(Collected data)
-----

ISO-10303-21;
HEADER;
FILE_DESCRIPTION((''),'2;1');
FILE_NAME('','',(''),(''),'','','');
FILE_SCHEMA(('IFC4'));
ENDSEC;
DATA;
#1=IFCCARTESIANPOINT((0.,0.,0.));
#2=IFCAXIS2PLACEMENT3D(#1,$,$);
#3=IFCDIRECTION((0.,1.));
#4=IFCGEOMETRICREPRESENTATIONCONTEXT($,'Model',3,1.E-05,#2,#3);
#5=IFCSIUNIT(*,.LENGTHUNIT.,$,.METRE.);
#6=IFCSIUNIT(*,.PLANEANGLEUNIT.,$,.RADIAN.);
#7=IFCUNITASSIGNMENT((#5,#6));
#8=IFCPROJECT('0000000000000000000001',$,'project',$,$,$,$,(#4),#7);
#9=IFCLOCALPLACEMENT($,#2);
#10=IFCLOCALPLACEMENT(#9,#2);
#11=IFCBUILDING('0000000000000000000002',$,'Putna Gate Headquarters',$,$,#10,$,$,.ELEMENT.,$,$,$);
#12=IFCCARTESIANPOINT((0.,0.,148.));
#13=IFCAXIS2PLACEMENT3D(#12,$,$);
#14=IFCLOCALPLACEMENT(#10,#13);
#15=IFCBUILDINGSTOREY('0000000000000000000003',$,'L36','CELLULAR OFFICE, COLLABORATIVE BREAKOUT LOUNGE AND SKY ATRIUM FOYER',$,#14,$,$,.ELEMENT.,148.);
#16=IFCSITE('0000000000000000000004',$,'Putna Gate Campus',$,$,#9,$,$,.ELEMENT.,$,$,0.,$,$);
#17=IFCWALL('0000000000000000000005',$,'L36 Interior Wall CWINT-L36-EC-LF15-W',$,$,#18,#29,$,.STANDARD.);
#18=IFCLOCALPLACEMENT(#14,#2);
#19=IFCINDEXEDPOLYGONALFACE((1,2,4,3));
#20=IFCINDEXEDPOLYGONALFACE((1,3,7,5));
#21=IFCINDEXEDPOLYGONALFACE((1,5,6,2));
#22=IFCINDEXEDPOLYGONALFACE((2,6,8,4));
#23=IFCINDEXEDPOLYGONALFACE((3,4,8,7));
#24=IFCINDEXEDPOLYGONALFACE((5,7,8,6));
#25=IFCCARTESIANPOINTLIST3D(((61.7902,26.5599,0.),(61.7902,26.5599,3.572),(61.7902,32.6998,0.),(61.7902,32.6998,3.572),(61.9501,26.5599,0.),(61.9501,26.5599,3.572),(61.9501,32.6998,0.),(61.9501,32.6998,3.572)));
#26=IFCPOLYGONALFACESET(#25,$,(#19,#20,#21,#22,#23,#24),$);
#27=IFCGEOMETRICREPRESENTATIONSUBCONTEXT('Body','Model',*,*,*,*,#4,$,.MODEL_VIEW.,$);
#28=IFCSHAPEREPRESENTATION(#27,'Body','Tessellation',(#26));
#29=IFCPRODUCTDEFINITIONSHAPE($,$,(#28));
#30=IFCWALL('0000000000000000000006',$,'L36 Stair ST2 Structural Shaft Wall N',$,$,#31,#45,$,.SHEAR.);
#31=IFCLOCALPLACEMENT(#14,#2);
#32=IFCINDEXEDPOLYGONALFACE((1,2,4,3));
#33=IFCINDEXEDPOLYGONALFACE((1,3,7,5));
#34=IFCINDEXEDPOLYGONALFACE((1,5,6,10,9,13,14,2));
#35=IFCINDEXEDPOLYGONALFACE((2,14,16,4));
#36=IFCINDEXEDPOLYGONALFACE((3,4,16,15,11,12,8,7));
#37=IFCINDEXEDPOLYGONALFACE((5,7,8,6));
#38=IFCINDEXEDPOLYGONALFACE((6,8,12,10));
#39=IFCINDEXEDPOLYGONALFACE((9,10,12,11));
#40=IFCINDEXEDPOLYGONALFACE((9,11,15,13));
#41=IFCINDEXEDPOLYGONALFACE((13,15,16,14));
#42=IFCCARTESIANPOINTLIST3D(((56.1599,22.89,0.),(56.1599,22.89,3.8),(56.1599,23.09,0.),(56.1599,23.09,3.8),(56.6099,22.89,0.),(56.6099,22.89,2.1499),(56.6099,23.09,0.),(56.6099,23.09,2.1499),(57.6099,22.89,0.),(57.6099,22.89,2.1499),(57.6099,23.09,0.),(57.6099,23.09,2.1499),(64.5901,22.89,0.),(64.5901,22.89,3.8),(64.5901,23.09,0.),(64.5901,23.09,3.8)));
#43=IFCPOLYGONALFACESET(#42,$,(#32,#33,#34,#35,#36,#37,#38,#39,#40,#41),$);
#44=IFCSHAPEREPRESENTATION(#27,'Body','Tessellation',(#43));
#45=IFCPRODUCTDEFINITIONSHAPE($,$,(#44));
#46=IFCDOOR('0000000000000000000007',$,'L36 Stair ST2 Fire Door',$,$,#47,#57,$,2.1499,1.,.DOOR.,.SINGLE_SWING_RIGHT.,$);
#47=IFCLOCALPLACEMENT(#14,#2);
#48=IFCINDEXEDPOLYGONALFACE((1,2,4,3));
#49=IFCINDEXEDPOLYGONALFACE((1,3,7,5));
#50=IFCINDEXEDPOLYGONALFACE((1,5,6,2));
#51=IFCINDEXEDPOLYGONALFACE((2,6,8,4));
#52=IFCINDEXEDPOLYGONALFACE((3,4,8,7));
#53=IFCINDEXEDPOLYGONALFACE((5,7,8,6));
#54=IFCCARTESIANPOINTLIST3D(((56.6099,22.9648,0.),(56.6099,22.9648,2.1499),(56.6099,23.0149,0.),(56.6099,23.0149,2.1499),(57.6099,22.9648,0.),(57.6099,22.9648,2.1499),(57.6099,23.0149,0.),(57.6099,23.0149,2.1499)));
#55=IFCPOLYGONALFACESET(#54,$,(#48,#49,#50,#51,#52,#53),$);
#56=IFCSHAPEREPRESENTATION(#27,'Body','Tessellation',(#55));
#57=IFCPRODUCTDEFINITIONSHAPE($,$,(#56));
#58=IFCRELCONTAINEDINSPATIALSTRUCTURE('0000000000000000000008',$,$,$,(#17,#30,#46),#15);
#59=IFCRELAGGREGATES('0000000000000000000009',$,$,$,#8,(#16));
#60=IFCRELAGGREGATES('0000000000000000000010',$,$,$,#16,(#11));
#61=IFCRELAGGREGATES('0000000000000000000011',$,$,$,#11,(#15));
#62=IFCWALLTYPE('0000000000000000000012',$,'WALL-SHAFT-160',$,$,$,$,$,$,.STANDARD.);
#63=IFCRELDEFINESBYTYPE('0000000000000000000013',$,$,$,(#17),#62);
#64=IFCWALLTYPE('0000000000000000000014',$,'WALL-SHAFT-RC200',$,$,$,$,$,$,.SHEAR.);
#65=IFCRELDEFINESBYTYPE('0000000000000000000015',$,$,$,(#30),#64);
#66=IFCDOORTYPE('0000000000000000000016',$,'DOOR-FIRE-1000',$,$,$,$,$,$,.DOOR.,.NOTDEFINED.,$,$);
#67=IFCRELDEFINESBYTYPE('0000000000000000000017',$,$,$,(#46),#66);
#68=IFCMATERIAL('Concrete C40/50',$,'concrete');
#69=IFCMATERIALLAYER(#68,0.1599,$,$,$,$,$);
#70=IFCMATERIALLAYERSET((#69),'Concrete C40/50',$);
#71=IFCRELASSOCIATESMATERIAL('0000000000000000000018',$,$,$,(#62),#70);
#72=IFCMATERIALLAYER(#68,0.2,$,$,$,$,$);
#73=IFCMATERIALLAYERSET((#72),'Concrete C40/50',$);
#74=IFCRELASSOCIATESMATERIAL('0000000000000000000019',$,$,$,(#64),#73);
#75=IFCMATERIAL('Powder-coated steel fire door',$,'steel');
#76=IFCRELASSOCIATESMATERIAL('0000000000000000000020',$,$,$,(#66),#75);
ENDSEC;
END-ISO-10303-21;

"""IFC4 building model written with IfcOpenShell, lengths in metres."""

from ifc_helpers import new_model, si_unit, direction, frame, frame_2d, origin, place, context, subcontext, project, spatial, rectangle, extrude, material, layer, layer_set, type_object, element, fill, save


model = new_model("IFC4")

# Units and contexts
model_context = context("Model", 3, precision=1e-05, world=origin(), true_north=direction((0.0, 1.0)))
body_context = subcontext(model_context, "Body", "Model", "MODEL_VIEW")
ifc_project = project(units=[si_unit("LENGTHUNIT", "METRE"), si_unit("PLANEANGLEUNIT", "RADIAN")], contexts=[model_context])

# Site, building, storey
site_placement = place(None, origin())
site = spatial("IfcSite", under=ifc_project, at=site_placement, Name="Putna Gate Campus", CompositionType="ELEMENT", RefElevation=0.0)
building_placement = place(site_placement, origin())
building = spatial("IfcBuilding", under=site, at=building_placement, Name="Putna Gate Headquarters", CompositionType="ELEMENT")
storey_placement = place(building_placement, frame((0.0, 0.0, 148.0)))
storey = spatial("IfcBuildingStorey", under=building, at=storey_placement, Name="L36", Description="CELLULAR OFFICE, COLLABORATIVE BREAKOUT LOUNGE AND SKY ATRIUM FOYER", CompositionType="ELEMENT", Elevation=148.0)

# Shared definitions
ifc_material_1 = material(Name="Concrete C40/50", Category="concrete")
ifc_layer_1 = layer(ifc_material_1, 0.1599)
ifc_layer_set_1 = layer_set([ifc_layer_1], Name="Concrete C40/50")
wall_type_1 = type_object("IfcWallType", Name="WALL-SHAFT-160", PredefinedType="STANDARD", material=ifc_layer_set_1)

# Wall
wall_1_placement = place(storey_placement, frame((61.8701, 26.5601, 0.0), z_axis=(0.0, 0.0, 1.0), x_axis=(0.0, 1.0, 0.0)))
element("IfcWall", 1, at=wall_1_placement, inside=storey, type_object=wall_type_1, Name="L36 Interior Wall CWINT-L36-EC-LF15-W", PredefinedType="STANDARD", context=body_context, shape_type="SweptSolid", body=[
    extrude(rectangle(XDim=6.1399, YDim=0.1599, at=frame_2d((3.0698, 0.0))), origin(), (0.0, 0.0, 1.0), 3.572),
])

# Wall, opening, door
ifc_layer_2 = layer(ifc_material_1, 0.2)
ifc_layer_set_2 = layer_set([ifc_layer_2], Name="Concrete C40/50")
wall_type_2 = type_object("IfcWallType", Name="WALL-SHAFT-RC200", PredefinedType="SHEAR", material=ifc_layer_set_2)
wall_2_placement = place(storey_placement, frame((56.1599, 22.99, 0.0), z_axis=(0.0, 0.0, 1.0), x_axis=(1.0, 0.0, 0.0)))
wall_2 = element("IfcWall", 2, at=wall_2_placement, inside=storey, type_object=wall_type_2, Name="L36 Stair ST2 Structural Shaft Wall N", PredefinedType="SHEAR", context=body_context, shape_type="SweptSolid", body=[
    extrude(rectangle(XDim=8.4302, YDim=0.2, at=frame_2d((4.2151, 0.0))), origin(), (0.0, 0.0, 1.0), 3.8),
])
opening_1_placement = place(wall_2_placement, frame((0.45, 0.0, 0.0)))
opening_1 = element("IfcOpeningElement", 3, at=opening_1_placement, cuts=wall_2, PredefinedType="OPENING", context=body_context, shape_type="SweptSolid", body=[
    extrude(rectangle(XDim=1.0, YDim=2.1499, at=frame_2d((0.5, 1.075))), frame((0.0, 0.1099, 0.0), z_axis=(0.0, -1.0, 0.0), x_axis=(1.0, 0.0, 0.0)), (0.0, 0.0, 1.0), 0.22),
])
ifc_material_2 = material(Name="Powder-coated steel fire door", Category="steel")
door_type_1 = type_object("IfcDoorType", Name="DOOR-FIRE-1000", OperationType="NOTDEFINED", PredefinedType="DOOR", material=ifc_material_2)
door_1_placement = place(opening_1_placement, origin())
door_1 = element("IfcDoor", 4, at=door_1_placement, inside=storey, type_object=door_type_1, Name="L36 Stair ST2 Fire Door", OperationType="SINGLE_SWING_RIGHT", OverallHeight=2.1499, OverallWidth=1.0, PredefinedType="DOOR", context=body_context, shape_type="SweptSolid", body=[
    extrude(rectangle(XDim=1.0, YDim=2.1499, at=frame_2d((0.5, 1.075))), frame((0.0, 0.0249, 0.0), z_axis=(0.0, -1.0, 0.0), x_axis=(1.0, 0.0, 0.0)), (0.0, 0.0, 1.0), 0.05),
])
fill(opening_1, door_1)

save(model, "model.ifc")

-----

- **Problem statement**
Set down, exactly as they stand above, the lines starting with the line with "#32=IFCINDEXEDPOLYGONALFACE((1,2,4,3));" and going on through the line with "#36=IFCINDEXEDPOLYGONALFACE((3,4,16,15,11,12,8,7));", and no others.

- **Answer to the exercise**
#32=IFCINDEXEDPOLYGONALFACE((1,2,4,3));
#33=IFCINDEXEDPOLYGONALFACE((1,3,7,5));
#34=IFCINDEXEDPOLYGONALFACE((1,5,6,10,9,13,14,2));
#35=IFCINDEXEDPOLYGONALFACE((2,14,16,4));
#36=IFCINDEXEDPOLYGONALFACE((3,4,16,15,11,12,8,7));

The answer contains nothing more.